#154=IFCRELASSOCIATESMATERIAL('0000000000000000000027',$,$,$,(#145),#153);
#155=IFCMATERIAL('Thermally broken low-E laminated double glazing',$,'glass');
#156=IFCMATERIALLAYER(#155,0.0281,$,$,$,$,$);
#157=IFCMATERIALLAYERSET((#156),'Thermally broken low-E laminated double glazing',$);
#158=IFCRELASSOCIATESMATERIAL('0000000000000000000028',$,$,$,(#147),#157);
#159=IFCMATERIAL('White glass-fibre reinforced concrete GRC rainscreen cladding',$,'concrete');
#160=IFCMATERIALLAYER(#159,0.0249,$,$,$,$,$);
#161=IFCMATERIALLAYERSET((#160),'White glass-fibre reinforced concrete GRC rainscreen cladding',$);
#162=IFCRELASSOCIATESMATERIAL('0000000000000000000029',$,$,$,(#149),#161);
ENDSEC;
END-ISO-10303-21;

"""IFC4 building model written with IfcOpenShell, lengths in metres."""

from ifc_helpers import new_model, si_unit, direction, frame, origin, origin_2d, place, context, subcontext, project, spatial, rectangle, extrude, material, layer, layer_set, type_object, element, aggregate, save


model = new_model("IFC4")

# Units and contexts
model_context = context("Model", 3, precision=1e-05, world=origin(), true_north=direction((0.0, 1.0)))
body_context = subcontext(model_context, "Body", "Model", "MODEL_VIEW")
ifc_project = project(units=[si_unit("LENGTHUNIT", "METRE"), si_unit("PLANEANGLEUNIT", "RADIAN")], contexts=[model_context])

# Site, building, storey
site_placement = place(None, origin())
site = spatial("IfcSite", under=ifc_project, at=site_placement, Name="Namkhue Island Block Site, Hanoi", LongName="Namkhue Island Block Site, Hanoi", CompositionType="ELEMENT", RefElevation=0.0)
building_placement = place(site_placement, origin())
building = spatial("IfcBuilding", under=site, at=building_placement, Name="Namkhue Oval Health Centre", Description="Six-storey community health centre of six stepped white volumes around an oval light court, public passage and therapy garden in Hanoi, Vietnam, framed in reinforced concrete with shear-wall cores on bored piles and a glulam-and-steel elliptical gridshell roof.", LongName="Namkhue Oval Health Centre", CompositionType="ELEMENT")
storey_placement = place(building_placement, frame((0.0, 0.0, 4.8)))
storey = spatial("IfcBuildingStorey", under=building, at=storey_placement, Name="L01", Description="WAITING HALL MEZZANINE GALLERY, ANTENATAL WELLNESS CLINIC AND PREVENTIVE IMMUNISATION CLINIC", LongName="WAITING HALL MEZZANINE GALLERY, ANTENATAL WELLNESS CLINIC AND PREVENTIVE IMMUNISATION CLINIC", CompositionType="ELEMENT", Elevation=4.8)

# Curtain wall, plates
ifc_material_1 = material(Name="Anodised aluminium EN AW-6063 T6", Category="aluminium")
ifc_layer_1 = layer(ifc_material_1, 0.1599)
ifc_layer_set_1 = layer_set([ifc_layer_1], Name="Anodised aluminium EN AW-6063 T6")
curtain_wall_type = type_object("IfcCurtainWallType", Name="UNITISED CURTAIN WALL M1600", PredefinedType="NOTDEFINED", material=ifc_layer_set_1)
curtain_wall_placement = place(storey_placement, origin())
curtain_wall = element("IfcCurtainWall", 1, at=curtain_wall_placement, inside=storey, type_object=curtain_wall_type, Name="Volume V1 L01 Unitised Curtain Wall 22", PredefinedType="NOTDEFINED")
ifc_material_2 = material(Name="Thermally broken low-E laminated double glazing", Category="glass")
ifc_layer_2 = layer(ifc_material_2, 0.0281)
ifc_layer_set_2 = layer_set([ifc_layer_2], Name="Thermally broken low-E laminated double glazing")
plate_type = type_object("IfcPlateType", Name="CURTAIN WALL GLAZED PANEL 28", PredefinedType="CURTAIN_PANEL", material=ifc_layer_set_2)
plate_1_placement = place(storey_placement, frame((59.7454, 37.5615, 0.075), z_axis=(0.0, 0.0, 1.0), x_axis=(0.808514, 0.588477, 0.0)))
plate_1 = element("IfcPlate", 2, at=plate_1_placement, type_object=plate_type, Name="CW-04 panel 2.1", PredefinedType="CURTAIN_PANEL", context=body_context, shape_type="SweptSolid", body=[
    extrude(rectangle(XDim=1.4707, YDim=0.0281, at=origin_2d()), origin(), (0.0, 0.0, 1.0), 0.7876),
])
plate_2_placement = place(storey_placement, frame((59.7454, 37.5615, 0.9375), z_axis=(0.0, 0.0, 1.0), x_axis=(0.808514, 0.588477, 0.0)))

+ + + + + + +

▶ [Task goal]: Give every record again, exactly as it reads.

▶ [Answer to this problem]:
#154=IFCRELASSOCIATESMATERIAL('0000000000000000000027',$,$,$,(#145),#153);
#155=IFCMATERIAL('Thermally broken low-E laminated double glazing',$,'glass');
#156=IFCMATERIALLAYER(#155,0.0281,$,$,$,$,$);
#157=IFCMATERIALLAYERSET((#156),'Thermally broken low-E laminated double glazing',$);
#158=IFCRELASSOCIATESMATERIAL('0000000000000000000028',$,$,$,(#147),#157);
#159=IFCMATERIAL('White glass-fibre reinforced concrete GRC rainscreen cladding',$,'concrete');
#160=IFCMATERIALLAYER(#159,0.0249,$,$,$,$,$);
#161=IFCMATERIALLAYERSET((#160),'White glass-fibre reinforced concrete GRC rainscreen cladding',$);
#162=IFCRELASSOCIATESMATERIAL('0000000000000000000029',$,$,$,(#149),#161);
ENDSEC;
END-ISO-10303-21;

"""IFC4 building model written with IfcOpenShell, lengths in metres."""

from ifc_helpers import new_model, si_unit, direction, frame, origin, origin_2d, place, context, subcontext, project, spatial, rectangle, extrude, material, layer, layer_set, type_object, element, aggregate, save


model = new_model("IFC4")

# Units and contexts
model_context = context("Model", 3, precision=1e-05, world=origin(), true_north=direction((0.0, 1.0)))
body_context = subcontext(model_context, "Body", "Model", "MODEL_VIEW")
ifc_project = project(units=[si_unit("LENGTHUNIT", "METRE"), si_unit("PLANEANGLEUNIT", "RADIAN")], contexts=[model_context])

# Site, building, storey
site_placement = place(None, origin())
site = spatial("IfcSite", under=ifc_project, at=site_placement, Name="Namkhue Island Block Site, Hanoi", LongName="Namkhue Island Block Site, Hanoi", CompositionType="ELEMENT", RefElevation=0.0)
building_placement = place(site_placement, origin())
building = spatial("IfcBuilding", under=site, at=building_placement, Name="Namkhue Oval Health Centre", Description="Six-storey community health centre of six stepped white volumes around an oval light court, public passage and therapy garden in Hanoi, Vietnam, framed in reinforced concrete with shear-wall cores on bored piles and a glulam-and-steel elliptical gridshell roof.", LongName="Namkhue Oval Health Centre", CompositionType="ELEMENT")
storey_placement = place(building_placement, frame((0.0, 0.0, 4.8)))
storey = spatial("IfcBuildingStorey", under=building, at=storey_placement, Name="L01", Description="WAITING HALL MEZZANINE GALLERY, ANTENATAL WELLNESS CLINIC AND PREVENTIVE IMMUNISATION CLINIC", LongName="WAITING HALL MEZZANINE GALLERY, ANTENATAL WELLNESS CLINIC AND PREVENTIVE IMMUNISATION CLINIC", CompositionType="ELEMENT", Elevation=4.8)

# Curtain wall, plates
ifc_material_1 = material(Name="Anodised aluminium EN AW-6063 T6", Category="aluminium")
ifc_layer_1 = layer(ifc_material_1, 0.1599)
ifc_layer_set_1 = layer_set([ifc_layer_1], Name="Anodised aluminium EN AW-6063 T6")
curtain_wall_type = type_object("IfcCurtainWallType", Name="UNITISED CURTAIN WALL M1600", PredefinedType="NOTDEFINED", material=ifc_layer_set_1)
curtain_wall_placement = place(storey_placement, origin())
curtain_wall = element("IfcCurtainWall", 1, at=curtain_wall_placement, inside=storey, type_object=curtain_wall_type, Name="Volume V1 L01 Unitised Curtain Wall 22", PredefinedType="NOTDEFINED")
ifc_material_2 = material(Name="Thermally broken low-E laminated double glazing", Category="glass")
ifc_layer_2 = layer(ifc_material_2, 0.0281)
ifc_layer_set_2 = layer_set([ifc_layer_2], Name="Thermally broken low-E laminated double glazing")
plate_type = type_object("IfcPlateType", Name="CURTAIN WALL GLAZED PANEL 28", PredefinedType="CURTAIN_PANEL", material=ifc_layer_set_2)
plate_1_placement = place(storey_placement, frame((59.7454, 37.5615, 0.075), z_axis=(0.0, 0.0, 1.0), x_axis=(0.808514, 0.588477, 0.0)))
plate_1 = element("IfcPlate", 2, at=plate_1_placement, type_object=plate_type, Name="CW-04 panel 2.1", PredefinedType="CURTAIN_PANEL", context=body_context, shape_type="SweptSolid", body=[
    extrude(rectangle(XDim=1.4707, YDim=0.0281, at=origin_2d()), origin(), (0.0, 0.0, 1.0), 0.7876),
])
plate_2_placement = place(storey_placement, frame((59.7454, 37.5615, 0.9375), z_axis=(0.0, 0.0, 1.0), x_axis=(0.808514, 0.588477, 0.0)))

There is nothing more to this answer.